---- DATA FOR PROCESSING

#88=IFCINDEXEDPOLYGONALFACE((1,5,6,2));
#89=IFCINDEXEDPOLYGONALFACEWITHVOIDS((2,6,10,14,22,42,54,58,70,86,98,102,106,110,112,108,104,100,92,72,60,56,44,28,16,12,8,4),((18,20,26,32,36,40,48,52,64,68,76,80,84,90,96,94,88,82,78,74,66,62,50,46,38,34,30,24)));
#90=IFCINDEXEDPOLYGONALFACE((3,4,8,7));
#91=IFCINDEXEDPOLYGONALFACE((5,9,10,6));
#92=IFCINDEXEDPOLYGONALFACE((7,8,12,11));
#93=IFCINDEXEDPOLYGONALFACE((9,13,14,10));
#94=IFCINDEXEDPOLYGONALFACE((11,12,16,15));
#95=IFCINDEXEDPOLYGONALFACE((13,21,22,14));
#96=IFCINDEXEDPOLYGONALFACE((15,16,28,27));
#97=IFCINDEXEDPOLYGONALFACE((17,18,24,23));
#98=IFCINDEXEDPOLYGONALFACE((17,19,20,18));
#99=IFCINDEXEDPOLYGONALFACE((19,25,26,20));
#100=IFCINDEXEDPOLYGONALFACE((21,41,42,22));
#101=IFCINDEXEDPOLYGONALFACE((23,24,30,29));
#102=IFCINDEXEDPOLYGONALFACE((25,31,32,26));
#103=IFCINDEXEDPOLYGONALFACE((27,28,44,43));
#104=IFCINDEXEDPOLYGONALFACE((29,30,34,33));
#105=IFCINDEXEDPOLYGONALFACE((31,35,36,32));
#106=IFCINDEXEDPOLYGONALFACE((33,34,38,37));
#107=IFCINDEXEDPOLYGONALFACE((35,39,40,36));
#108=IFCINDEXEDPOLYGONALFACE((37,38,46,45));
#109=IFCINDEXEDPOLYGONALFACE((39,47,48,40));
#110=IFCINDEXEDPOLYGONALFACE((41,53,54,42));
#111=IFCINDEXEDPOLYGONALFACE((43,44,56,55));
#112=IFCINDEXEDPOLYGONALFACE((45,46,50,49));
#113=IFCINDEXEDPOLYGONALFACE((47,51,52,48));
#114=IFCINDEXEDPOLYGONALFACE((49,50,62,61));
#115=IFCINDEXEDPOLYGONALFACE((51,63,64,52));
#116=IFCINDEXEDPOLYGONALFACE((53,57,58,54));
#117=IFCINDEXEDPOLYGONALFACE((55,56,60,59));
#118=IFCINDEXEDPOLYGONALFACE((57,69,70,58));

--------

* _WHAT NEEDS TO BE DONE_: From the first line to the last, write out the listing exactly.

* _RESPONSE AREA_:
#88=IFCINDEXEDPOLYGONALFACE((1,5,6,2));
#89=IFCINDEXEDPOLYGONALFACEWITHVOIDS((2,6,10,14,22,42,54,58,70,86,98,102,106,110,112,108,104,100,92,72,60,56,44,28,16,12,8,4),((18,20,26,32,36,40,48,52,64,68,76,80,84,90,96,94,88,82,78,74,66,62,50,46,38,34,30,24)));
#90=IFCINDEXEDPOLYGONALFACE((3,4,8,7));
#91=IFCINDEXEDPOLYGONALFACE((5,9,10,6));
#92=IFCINDEXEDPOLYGONALFACE((7,8,12,11));
#93=IFCINDEXEDPOLYGONALFACE((9,13,14,10));
#94=IFCINDEXEDPOLYGONALFACE((11,12,16,15));
#95=IFCINDEXEDPOLYGONALFACE((13,21,22,14));
#96=IFCINDEXEDPOLYGONALFACE((15,16,28,27));
#97=IFCINDEXEDPOLYGONALFACE((17,18,24,23));
#98=IFCINDEXEDPOLYGONALFACE((17,19,20,18));
#99=IFCINDEXEDPOLYGONALFACE((19,25,26,20));
#100=IFCINDEXEDPOLYGONALFACE((21,41,42,22));
#101=IFCINDEXEDPOLYGONALFACE((23,24,30,29));
#102=IFCINDEXEDPOLYGONALFACE((25,31,32,26));
#103=IFCINDEXEDPOLYGONALFACE((27,28,44,43));
#104=IFCINDEXEDPOLYGONALFACE((29,30,34,33));
#105=IFCINDEXEDPOLYGONALFACE((31,35,36,32));
#106=IFCINDEXEDPOLYGONALFACE((33,34,38,37));
#107=IFCINDEXEDPOLYGONALFACE((35,39,40,36));
#108=IFCINDEXEDPOLYGONALFACE((37,38,46,45));
#109=IFCINDEXEDPOLYGONALFACE((39,47,48,40));
#110=IFCINDEXEDPOLYGONALFACE((41,53,54,42));
#111=IFCINDEXEDPOLYGONALFACE((43,44,56,55));
#112=IFCINDEXEDPOLYGONALFACE((45,46,50,49));
#113=IFCINDEXEDPOLYGONALFACE((47,51,52,48));
#114=IFCINDEXEDPOLYGONALFACE((49,50,62,61));
#115=IFCINDEXEDPOLYGONALFACE((51,63,64,52));
#116=IFCINDEXEDPOLYGONALFACE((53,57,58,54));
#117=IFCINDEXEDPOLYGONALFACE((55,56,60,59));
#118=IFCINDEXEDPOLYGONALFACE((57,69,70,58));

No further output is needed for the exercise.